The problem:
Look through the entries below and extract exactly the lines from the one containing "#9=IFCLOCALPLACEMENT($,#2);" through the one containing "#16=IFCSITE('0000000000000000000004',$,'Almond Square Museum", ends included.

--- Data for analysis ---

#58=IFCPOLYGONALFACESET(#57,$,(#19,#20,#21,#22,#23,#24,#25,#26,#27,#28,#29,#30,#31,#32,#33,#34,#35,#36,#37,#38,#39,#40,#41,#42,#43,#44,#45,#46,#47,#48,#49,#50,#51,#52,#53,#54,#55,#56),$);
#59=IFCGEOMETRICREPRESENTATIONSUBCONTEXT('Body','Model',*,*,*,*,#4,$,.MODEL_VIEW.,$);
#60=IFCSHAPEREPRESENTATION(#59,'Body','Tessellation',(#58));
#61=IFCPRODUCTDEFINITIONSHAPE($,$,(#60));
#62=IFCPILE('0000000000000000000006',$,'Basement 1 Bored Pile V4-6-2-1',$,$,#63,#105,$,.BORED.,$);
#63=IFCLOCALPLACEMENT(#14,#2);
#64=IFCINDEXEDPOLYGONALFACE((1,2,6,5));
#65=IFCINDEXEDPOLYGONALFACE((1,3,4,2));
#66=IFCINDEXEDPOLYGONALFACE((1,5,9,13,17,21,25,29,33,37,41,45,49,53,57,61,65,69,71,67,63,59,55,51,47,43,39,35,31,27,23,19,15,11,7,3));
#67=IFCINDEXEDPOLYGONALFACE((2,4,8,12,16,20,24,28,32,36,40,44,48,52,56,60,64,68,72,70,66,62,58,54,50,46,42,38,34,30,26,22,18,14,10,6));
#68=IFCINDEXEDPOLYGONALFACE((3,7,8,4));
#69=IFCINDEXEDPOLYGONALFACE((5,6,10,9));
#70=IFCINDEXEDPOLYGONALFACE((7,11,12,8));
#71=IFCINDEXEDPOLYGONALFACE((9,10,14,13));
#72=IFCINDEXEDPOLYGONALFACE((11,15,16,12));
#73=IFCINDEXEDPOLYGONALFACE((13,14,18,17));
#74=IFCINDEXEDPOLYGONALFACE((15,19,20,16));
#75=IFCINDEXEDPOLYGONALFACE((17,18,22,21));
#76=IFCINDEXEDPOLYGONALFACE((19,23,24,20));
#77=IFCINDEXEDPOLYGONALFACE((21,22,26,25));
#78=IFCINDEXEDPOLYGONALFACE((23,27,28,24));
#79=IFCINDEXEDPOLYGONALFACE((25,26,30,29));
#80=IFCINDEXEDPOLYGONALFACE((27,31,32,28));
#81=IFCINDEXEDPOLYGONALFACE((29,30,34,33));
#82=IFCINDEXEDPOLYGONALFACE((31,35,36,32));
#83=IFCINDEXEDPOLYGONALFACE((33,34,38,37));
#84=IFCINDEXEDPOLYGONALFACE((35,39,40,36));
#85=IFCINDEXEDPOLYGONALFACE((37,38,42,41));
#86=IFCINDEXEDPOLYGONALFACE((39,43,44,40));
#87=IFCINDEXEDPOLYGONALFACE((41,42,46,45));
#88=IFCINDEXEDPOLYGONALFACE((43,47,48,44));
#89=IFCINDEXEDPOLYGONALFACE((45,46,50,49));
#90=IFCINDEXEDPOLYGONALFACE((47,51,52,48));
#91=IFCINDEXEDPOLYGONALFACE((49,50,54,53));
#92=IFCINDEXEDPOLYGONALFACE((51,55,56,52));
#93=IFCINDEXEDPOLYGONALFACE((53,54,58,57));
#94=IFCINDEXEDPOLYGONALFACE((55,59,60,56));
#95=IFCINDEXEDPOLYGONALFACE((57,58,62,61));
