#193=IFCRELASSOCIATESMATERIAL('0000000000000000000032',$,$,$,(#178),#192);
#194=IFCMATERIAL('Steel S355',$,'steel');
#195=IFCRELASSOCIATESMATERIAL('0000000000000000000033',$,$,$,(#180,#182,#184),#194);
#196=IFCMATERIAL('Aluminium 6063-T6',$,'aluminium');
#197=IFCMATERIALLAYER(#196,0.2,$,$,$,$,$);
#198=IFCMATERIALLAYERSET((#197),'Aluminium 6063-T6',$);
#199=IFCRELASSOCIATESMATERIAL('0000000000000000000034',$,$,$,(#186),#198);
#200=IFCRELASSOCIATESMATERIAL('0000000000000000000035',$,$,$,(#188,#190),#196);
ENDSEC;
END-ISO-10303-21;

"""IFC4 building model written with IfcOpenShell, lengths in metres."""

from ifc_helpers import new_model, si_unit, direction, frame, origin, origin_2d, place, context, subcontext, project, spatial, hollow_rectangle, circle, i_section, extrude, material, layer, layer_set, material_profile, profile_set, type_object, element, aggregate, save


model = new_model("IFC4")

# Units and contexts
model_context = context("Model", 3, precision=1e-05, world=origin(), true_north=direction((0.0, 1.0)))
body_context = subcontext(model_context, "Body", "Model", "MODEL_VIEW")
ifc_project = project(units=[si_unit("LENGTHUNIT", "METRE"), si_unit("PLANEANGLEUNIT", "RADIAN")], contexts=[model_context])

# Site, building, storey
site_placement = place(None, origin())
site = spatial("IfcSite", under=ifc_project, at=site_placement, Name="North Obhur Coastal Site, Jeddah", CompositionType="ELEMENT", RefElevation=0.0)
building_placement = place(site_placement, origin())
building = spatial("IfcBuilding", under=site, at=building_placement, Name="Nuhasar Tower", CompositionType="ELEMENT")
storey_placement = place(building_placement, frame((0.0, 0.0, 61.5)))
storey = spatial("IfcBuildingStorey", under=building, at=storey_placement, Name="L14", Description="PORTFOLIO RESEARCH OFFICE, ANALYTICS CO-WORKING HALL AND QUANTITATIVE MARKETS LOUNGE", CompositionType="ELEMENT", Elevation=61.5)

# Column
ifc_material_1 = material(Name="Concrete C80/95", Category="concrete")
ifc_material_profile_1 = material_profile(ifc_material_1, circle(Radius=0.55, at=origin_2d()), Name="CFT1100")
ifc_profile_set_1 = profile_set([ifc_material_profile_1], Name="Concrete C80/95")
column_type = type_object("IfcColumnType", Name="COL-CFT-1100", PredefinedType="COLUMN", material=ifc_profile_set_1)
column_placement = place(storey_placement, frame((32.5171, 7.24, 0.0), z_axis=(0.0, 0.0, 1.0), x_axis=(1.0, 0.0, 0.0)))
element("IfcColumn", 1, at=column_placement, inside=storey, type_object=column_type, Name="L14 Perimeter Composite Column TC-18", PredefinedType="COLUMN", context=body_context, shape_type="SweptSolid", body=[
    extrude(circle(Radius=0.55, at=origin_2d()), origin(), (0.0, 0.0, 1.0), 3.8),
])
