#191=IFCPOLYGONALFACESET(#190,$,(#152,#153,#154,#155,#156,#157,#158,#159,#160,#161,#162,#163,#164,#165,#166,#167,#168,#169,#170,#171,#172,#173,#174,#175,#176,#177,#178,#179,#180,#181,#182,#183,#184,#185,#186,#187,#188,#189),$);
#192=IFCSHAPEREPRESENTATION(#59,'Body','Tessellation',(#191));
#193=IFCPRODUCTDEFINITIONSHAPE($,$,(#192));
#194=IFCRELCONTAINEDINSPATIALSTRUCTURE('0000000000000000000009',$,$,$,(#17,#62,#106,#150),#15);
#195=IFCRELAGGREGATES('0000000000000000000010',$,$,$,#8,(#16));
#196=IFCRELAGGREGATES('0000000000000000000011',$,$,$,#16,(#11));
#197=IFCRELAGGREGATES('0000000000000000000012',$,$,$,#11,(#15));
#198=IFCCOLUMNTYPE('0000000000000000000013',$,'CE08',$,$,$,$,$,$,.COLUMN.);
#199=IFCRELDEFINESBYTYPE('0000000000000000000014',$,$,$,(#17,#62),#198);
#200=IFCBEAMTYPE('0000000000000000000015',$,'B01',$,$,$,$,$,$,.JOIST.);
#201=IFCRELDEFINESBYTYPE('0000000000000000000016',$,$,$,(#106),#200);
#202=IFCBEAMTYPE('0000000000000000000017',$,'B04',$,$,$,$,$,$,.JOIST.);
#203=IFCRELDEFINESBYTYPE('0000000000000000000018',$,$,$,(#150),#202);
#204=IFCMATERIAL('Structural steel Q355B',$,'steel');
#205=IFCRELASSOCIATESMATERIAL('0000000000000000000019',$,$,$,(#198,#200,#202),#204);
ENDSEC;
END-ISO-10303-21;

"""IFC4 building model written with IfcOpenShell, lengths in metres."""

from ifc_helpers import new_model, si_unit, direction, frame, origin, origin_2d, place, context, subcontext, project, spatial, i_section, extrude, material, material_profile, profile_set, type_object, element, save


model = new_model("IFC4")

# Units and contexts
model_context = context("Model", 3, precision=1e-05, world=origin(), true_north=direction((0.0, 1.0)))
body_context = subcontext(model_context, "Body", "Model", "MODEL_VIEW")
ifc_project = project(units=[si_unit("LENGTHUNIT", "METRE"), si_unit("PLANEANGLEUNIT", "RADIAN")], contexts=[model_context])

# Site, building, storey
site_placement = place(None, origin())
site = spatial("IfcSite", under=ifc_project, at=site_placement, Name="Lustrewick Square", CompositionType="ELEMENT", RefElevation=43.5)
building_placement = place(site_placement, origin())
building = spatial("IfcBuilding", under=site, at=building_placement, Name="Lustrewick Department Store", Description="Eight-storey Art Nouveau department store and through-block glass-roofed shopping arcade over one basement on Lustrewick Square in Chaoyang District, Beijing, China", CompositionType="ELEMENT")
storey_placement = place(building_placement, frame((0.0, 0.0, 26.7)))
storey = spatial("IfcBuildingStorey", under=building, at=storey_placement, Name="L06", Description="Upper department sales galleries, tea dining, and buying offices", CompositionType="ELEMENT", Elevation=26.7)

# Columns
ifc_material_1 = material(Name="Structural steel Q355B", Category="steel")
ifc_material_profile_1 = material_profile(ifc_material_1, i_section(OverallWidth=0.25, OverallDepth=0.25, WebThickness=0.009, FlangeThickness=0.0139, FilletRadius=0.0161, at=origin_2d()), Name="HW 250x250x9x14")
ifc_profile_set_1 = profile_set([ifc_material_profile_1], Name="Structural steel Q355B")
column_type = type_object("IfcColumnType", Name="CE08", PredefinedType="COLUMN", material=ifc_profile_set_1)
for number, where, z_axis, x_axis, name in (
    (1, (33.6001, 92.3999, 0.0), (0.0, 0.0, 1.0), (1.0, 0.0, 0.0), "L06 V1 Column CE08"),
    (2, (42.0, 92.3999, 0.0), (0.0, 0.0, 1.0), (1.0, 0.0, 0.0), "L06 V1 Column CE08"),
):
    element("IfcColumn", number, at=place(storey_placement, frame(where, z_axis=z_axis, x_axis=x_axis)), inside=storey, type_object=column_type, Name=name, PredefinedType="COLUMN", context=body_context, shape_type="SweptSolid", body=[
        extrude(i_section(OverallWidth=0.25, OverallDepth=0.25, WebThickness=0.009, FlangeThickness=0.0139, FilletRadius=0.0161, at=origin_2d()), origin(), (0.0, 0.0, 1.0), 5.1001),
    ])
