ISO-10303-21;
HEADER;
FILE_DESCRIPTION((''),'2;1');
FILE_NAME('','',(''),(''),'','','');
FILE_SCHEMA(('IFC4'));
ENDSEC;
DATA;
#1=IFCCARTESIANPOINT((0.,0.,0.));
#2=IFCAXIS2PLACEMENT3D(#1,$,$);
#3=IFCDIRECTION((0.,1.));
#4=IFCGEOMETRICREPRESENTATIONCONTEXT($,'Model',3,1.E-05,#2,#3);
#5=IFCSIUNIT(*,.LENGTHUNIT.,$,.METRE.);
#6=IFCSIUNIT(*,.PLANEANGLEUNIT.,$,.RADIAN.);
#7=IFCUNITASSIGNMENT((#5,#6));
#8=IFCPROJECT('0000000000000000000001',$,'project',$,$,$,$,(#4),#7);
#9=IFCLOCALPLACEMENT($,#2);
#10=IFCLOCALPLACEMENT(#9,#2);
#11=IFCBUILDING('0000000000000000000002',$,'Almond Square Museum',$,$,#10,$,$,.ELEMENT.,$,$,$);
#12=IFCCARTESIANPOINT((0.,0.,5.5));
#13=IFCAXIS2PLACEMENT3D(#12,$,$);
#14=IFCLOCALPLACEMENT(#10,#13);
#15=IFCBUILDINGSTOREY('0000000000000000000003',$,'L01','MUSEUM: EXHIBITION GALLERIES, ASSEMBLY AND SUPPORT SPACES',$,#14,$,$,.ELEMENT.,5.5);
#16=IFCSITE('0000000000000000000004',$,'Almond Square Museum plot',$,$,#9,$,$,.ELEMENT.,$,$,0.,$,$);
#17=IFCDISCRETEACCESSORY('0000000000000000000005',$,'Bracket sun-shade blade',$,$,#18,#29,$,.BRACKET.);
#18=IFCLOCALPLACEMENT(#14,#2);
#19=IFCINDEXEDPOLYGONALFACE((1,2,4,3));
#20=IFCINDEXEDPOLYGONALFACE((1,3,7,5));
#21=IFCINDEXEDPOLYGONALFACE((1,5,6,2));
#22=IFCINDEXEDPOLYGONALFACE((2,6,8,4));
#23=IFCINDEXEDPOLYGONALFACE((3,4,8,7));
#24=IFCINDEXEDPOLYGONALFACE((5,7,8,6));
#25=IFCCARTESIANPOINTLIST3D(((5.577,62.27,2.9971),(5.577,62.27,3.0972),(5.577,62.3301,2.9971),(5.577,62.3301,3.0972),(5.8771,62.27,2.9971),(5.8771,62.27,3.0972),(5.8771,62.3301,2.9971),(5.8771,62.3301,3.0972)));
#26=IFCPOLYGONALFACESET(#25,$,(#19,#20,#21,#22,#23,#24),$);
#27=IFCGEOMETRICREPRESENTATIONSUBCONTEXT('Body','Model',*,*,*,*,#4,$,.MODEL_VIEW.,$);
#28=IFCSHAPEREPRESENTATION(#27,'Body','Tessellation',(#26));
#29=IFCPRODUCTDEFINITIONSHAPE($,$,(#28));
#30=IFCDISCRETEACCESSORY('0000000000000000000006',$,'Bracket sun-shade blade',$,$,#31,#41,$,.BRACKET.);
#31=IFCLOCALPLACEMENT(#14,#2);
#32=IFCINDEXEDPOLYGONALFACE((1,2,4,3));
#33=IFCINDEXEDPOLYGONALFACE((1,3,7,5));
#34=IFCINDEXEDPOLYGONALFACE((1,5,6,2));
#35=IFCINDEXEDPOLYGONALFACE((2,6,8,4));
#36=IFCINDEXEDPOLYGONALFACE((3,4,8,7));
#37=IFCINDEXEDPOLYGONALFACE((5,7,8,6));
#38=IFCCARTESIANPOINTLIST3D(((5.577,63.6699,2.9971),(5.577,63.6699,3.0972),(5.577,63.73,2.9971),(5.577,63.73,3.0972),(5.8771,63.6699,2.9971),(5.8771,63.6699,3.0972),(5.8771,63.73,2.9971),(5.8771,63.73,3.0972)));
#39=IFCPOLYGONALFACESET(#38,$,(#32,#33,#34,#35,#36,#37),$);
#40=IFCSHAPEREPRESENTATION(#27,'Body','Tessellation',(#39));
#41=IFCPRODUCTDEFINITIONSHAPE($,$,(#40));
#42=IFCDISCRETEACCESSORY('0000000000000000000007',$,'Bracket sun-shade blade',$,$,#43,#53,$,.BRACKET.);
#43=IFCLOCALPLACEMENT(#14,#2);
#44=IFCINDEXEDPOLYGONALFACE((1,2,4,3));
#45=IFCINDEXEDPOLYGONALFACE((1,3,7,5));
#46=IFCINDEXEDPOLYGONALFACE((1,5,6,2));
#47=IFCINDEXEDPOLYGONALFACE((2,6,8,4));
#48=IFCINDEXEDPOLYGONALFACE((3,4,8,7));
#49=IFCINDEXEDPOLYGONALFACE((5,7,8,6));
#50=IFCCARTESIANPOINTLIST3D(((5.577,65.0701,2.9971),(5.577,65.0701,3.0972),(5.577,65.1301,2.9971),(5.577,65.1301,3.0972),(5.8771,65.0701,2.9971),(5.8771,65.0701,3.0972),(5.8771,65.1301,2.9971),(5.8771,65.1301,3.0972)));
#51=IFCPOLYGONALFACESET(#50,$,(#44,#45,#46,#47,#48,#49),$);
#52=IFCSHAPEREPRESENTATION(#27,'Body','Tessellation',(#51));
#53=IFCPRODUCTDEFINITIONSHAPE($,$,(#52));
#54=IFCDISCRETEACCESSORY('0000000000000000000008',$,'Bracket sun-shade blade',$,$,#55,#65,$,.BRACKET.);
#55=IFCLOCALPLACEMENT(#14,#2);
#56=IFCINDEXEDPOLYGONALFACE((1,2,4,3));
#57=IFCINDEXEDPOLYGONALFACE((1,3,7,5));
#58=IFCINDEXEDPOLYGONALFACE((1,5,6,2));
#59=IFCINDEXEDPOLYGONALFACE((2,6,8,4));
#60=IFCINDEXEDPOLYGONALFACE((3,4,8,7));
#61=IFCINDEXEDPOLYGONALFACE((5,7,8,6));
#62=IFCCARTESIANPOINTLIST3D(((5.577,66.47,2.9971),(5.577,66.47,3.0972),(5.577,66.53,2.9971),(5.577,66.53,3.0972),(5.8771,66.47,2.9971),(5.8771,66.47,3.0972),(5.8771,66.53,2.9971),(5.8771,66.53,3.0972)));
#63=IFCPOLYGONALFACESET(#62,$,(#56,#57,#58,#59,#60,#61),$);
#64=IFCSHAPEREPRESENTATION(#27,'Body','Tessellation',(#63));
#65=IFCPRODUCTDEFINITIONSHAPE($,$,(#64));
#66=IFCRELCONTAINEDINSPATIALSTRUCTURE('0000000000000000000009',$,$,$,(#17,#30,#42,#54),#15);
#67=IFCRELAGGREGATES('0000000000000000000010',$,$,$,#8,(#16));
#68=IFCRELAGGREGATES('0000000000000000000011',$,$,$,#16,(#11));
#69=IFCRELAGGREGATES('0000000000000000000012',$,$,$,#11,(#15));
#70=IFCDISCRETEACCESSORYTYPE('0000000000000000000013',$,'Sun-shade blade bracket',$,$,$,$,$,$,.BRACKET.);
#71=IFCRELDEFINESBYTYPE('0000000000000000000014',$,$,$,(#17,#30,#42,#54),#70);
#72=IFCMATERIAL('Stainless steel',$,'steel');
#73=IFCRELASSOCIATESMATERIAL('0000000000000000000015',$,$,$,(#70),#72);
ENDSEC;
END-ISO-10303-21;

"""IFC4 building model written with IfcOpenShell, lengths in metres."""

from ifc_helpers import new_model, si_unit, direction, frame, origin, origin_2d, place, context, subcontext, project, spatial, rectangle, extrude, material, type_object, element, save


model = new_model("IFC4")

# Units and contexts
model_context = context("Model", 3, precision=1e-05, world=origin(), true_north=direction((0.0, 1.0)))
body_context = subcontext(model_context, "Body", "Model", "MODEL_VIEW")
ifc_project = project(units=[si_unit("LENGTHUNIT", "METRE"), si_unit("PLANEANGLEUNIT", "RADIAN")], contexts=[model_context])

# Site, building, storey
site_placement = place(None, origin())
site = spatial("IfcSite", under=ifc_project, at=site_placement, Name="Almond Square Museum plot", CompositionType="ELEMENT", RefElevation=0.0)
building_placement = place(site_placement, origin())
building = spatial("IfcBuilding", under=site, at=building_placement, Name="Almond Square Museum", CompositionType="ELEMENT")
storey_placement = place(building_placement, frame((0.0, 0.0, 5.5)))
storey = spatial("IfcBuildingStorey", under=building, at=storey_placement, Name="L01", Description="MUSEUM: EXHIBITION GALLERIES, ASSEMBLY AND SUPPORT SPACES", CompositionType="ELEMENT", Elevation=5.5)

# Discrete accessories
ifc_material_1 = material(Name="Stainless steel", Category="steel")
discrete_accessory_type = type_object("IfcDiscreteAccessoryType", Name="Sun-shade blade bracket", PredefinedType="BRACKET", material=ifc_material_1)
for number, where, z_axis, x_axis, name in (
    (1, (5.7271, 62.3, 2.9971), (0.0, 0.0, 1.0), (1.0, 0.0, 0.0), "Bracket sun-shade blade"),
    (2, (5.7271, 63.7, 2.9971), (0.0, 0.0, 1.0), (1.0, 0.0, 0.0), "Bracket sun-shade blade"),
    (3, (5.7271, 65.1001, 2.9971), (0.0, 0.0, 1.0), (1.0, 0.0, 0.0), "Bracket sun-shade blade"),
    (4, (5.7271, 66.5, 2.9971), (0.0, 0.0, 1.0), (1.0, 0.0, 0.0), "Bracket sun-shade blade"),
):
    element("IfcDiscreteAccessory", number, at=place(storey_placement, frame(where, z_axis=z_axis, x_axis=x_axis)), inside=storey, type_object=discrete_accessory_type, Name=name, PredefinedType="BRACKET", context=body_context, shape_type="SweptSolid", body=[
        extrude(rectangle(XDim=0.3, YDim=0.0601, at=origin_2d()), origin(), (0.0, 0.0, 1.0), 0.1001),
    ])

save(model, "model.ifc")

---

Written solution:
#9=IFCLOCALPLACEMENT($,#2);
#10=IFCLOCALPLACEMENT(#9,#2);
#11=IFCBUILDING('0000000000000000000002',$,'Almond Square Museum',$,$,#10,$,$,.ELEMENT.,$,$,$);
#12=IFCCARTESIANPOINT((0.,0.,5.5));
#13=IFCAXIS2PLACEMENT3D(#12,$,$);
#14=IFCLOCALPLACEMENT(#10,#13);
#15=IFCBUILDINGSTOREY('0000000000000000000003',$,'L01','MUSEUM: EXHIBITION GALLERIES, ASSEMBLY AND SUPPORT SPACES',$,#14,$,$,.ELEMENT.,5.5);
#16=IFCSITE('0000000000000000000004',$,'Almond Square Museum plot',$,$,#9,$,$,.ELEMENT.,$,$,0.,$,$);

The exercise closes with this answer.